EXERCISE INSTRUCTIONS:
Go through the data below. Pull out every line that has the word "IfcSite".

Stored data
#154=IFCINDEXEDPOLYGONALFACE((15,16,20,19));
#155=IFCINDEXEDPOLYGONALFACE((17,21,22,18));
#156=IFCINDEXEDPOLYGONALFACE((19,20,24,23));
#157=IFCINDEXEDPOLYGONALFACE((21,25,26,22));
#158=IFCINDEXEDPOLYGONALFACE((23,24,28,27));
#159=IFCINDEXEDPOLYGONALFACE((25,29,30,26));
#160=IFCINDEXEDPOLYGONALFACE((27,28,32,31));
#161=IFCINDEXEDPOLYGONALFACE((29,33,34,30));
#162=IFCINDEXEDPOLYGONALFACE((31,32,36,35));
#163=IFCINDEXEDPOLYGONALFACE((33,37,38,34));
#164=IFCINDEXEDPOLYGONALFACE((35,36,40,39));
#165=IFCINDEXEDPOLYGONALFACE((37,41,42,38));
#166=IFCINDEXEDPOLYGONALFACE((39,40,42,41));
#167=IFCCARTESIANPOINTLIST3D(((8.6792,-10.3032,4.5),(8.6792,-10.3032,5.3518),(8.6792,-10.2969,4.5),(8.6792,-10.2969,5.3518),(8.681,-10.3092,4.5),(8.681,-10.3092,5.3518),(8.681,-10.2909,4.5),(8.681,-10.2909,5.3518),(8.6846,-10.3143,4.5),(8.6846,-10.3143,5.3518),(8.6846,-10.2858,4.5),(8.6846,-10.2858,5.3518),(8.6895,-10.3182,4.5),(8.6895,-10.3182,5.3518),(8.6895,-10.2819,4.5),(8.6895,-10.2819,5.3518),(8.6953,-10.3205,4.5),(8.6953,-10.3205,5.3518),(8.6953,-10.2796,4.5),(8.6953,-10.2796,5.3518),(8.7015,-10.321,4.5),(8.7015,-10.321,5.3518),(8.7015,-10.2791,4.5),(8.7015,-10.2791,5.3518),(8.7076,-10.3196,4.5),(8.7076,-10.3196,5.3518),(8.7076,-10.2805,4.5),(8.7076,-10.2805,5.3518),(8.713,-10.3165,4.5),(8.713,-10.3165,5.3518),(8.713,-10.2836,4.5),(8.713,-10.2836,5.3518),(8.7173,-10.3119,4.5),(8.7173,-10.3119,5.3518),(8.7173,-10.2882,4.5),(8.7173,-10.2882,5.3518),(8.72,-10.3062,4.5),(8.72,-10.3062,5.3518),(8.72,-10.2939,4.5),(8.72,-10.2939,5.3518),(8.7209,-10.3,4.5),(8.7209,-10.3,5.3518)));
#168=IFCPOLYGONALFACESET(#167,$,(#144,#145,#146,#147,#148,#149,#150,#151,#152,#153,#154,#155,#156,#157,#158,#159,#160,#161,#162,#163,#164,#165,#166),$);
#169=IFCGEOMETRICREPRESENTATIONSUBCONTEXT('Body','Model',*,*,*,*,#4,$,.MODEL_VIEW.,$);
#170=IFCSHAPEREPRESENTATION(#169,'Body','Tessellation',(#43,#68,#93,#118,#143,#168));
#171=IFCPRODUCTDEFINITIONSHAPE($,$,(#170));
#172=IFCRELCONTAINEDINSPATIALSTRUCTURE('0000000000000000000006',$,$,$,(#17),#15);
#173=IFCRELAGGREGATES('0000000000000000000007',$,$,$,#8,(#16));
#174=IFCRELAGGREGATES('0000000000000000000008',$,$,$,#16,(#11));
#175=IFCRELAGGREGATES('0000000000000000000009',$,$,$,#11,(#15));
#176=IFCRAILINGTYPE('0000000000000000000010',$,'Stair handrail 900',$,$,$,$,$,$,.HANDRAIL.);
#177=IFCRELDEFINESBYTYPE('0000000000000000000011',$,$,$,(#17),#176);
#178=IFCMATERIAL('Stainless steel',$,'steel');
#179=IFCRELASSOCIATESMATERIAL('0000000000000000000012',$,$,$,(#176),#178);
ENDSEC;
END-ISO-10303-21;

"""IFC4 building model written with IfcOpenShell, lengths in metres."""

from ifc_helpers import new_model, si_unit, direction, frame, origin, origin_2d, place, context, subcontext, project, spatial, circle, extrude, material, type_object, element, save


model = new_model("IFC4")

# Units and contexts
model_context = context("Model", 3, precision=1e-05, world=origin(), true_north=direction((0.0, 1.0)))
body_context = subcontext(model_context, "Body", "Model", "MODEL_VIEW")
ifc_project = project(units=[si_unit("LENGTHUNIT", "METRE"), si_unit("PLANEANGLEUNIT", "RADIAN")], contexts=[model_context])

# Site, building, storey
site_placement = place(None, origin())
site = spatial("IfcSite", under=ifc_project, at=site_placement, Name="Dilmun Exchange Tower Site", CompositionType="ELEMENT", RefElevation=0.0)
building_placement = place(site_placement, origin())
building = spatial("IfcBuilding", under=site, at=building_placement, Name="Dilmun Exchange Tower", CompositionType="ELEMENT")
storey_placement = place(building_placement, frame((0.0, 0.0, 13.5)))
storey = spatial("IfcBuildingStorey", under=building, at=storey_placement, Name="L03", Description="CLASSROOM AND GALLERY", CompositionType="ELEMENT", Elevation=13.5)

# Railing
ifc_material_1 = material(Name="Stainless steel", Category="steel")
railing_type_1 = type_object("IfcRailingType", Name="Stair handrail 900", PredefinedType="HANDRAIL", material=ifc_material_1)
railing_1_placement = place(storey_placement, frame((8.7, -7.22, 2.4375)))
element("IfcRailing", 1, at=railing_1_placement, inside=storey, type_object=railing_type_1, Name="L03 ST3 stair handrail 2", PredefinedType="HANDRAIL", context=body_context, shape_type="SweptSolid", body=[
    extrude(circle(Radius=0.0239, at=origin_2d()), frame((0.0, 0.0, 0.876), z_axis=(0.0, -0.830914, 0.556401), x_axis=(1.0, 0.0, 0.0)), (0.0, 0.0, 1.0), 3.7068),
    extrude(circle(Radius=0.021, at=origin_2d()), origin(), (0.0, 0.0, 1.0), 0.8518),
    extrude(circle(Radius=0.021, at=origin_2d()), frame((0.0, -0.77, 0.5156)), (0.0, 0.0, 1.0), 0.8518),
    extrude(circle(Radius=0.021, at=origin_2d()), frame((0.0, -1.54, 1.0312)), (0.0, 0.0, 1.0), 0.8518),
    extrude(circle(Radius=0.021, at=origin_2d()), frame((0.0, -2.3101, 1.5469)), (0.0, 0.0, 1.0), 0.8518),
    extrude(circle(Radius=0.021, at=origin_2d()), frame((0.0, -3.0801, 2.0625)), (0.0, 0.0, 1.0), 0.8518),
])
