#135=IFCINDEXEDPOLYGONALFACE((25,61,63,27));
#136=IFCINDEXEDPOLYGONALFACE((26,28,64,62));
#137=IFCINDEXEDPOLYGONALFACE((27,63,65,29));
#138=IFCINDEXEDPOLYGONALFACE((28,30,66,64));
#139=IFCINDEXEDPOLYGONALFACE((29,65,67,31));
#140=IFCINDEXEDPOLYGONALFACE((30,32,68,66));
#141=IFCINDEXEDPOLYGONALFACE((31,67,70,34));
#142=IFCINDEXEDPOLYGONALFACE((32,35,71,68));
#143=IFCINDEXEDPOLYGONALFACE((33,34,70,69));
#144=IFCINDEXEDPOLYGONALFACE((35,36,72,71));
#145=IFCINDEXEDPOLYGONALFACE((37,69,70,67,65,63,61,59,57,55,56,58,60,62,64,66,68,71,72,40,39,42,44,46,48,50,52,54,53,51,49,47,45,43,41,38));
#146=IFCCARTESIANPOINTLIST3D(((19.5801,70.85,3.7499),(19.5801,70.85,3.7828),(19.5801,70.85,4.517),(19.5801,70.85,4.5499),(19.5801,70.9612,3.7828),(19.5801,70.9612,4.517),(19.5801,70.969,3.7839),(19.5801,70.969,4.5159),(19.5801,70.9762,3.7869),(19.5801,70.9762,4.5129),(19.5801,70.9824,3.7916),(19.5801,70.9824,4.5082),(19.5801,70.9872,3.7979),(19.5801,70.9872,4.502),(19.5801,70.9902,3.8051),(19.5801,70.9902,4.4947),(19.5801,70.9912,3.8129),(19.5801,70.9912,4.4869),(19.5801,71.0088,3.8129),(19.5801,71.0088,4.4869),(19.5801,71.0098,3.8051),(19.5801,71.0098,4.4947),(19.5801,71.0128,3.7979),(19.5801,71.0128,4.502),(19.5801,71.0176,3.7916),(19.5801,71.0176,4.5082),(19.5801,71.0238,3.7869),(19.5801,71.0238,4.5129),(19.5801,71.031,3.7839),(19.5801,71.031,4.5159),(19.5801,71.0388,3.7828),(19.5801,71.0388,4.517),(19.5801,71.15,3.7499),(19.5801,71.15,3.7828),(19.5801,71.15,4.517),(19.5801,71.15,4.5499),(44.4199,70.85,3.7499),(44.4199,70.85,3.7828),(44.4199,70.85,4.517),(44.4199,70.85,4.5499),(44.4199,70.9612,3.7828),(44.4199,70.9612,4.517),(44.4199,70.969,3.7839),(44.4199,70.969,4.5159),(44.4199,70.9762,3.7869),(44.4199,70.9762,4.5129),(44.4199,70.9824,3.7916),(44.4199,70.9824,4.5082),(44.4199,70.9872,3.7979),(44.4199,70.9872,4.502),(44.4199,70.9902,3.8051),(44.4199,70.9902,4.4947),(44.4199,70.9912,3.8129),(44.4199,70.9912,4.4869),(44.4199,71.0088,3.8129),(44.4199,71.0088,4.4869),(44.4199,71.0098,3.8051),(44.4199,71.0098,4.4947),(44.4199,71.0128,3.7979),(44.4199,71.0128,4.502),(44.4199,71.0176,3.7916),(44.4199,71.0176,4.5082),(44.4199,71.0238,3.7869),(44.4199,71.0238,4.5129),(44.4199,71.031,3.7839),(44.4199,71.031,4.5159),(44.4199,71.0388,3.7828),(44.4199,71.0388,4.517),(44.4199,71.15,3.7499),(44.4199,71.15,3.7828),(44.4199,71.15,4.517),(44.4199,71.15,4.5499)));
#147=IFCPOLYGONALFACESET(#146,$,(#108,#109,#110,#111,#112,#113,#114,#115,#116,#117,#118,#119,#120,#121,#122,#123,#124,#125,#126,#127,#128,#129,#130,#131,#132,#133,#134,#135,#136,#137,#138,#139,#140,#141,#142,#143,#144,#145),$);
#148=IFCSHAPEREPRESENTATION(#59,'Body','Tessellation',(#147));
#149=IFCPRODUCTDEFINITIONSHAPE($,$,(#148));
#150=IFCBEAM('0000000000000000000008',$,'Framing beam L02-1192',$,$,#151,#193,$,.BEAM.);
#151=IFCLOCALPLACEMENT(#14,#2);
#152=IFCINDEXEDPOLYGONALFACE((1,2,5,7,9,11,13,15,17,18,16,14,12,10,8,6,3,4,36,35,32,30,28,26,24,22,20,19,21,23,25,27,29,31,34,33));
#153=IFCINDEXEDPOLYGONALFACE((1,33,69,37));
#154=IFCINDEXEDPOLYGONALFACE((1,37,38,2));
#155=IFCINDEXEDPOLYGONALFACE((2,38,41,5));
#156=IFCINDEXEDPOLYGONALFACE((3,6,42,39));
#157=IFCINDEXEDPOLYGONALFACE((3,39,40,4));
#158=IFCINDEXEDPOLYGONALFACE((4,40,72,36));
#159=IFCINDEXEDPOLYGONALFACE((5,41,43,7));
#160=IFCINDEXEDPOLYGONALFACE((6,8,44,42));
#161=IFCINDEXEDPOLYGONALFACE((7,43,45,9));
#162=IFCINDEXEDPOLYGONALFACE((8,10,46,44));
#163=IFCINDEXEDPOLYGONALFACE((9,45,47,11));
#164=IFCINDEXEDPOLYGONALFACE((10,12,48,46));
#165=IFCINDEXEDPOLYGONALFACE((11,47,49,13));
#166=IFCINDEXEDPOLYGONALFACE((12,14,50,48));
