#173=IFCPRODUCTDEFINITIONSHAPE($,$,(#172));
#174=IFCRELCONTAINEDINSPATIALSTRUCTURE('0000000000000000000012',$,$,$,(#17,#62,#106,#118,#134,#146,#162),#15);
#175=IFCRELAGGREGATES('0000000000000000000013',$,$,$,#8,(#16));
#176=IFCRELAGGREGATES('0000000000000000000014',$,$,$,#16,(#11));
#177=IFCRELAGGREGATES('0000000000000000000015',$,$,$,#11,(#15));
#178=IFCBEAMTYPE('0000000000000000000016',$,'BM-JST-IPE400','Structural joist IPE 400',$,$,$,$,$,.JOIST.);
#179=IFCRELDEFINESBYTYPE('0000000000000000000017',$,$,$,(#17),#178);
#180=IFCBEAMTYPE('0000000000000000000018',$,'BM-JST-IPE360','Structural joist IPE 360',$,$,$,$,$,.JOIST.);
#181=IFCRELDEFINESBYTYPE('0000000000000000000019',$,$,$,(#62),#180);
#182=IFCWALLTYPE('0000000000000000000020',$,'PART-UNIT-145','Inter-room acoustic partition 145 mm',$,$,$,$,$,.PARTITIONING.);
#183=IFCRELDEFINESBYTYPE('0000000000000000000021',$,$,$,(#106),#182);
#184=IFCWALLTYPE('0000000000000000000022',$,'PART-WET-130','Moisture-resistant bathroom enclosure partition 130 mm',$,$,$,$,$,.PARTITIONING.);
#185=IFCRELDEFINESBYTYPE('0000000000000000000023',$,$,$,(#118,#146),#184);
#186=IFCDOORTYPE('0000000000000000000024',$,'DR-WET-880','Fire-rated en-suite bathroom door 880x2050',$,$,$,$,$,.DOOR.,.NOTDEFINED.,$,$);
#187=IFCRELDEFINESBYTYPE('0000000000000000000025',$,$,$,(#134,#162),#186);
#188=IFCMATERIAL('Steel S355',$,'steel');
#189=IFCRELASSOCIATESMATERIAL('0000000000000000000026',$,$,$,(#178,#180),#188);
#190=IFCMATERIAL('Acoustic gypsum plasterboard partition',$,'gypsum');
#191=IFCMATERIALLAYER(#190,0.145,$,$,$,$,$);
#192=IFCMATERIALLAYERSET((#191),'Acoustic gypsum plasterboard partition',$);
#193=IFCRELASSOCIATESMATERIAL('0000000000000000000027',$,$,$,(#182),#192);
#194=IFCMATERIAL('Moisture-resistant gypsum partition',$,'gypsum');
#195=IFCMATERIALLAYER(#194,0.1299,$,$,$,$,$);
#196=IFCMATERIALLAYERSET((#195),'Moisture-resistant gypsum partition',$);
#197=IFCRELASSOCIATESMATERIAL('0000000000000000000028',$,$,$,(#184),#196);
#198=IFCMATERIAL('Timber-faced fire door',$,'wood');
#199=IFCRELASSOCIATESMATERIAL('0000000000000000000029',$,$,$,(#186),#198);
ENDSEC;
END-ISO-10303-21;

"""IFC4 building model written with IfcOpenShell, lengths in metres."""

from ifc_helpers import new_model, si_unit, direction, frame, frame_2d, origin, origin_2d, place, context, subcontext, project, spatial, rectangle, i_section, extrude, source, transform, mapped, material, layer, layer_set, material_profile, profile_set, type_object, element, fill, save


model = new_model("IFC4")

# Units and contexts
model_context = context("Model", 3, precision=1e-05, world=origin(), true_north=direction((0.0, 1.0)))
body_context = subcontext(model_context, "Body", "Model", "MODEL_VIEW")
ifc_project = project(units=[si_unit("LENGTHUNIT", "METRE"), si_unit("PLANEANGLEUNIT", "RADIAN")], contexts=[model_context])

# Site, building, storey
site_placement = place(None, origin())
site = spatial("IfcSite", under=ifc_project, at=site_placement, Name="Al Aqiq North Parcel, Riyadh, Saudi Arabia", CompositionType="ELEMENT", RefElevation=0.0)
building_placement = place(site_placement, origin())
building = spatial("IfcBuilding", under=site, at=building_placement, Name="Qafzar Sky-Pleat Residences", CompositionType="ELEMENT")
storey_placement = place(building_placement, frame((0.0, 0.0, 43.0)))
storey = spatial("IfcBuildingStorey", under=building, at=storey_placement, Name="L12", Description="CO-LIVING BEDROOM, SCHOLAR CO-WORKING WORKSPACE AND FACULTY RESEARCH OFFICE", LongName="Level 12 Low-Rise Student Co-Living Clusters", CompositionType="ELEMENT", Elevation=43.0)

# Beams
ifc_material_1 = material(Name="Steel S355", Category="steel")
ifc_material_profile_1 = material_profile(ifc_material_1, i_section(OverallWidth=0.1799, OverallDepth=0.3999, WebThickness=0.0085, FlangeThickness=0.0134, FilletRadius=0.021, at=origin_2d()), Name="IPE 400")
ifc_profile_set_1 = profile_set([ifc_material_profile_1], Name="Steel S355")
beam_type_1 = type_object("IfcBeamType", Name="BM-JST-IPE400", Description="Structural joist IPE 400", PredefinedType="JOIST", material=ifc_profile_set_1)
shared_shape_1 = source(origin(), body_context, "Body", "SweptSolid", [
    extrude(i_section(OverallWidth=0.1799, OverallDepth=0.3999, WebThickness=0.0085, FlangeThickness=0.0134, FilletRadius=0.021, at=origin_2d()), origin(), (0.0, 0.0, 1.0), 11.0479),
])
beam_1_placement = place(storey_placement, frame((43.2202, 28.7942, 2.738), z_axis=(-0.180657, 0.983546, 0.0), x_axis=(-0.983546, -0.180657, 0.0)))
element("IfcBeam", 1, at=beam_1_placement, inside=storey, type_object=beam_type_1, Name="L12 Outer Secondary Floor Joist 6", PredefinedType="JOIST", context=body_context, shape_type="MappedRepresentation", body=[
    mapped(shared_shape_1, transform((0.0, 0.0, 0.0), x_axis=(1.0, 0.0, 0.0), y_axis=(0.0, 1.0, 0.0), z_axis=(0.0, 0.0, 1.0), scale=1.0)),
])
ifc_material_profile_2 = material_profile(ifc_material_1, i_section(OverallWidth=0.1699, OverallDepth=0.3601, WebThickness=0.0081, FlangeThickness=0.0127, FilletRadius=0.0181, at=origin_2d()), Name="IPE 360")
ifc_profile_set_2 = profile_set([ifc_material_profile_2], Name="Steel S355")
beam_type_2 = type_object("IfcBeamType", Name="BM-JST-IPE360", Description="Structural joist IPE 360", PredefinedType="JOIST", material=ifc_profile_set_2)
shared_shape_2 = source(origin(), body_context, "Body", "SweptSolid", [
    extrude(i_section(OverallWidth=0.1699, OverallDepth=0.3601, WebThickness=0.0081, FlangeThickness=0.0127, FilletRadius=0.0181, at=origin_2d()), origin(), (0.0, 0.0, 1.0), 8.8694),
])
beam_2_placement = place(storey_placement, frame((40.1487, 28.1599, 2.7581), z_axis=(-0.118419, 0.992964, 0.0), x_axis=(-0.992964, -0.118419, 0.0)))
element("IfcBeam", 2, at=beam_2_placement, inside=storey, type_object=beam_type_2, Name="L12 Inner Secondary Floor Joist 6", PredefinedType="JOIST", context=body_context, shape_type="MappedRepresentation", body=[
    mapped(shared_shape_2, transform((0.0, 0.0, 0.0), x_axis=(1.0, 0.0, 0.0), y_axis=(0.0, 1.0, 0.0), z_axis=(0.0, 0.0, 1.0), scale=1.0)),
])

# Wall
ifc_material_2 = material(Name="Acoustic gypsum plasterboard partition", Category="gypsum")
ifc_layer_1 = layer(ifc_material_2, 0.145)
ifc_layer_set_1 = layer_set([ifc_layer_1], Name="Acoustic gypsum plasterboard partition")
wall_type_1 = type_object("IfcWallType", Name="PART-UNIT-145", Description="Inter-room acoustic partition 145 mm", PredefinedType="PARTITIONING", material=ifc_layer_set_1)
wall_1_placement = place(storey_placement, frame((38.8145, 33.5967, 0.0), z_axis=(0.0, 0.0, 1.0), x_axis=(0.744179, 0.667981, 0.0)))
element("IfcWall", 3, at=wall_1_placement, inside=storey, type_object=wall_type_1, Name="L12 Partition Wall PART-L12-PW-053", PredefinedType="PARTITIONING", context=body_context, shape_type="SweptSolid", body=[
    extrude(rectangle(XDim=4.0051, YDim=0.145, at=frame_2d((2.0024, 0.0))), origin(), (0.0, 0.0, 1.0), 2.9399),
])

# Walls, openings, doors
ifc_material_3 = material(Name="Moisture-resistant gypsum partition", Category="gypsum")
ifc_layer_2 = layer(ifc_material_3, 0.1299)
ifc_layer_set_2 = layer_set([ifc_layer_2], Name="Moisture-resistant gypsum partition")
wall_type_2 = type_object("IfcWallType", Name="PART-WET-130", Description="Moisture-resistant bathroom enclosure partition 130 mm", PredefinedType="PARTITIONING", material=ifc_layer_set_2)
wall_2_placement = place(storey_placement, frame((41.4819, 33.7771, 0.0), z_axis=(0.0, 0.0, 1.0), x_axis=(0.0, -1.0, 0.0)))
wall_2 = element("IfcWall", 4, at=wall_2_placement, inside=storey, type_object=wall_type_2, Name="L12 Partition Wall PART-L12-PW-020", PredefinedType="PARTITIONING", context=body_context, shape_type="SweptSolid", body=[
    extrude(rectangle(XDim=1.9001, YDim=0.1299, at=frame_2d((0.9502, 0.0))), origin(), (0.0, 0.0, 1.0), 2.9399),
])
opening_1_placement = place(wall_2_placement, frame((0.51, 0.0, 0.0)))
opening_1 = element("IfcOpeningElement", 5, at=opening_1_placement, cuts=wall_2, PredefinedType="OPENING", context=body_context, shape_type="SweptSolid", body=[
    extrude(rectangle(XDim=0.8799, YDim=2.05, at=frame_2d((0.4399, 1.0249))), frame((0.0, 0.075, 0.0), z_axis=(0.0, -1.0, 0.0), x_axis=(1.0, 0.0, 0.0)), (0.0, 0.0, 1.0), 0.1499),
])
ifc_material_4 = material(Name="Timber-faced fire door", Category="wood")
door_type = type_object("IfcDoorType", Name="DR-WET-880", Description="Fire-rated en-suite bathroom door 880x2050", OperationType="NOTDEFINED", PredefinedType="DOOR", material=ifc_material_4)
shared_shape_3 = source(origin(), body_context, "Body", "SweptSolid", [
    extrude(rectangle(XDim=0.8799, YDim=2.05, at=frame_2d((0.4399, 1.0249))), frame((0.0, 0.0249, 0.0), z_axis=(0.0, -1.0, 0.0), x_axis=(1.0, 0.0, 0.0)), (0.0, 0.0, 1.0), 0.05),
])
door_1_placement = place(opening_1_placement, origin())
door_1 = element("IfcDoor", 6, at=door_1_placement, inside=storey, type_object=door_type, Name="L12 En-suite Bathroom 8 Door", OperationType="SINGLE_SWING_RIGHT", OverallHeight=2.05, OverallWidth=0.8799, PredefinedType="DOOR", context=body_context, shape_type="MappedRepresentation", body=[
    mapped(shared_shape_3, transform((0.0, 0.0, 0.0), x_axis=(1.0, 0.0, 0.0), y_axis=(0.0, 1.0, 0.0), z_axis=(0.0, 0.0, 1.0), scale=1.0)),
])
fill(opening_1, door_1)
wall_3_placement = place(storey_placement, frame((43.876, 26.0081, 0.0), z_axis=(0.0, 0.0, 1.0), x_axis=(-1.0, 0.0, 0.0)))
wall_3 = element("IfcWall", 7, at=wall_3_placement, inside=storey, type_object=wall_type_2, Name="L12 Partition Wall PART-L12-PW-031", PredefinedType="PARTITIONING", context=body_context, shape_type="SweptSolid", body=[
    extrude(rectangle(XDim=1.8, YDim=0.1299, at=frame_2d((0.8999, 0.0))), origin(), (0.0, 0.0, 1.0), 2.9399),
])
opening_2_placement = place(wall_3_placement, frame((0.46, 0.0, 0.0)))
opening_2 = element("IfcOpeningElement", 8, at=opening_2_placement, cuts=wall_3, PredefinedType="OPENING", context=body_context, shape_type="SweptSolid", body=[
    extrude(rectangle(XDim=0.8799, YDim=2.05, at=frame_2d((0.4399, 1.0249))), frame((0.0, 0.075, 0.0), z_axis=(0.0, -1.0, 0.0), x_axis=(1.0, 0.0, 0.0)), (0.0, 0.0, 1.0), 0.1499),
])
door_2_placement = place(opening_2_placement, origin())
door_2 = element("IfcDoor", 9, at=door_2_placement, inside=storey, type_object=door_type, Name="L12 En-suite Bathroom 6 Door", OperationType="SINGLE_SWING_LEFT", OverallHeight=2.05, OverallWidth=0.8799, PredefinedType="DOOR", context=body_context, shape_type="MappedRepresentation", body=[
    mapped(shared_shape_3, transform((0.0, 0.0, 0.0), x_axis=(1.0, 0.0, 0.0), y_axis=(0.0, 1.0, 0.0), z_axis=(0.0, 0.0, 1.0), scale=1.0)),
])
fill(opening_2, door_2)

RESULT FOR THIS TASK:
site = spatial("IfcSite", under=ifc_project, at=site_placement, Name="Dilmun Exchange Tower Site", CompositionType="ELEMENT", RefElevation=0.0)
site = spatial("IfcSite", under=ifc_project, at=site_placement, Name="Al Aqiq North Parcel, Riyadh, Saudi Arabia", CompositionType="ELEMENT", RefElevation=0.0)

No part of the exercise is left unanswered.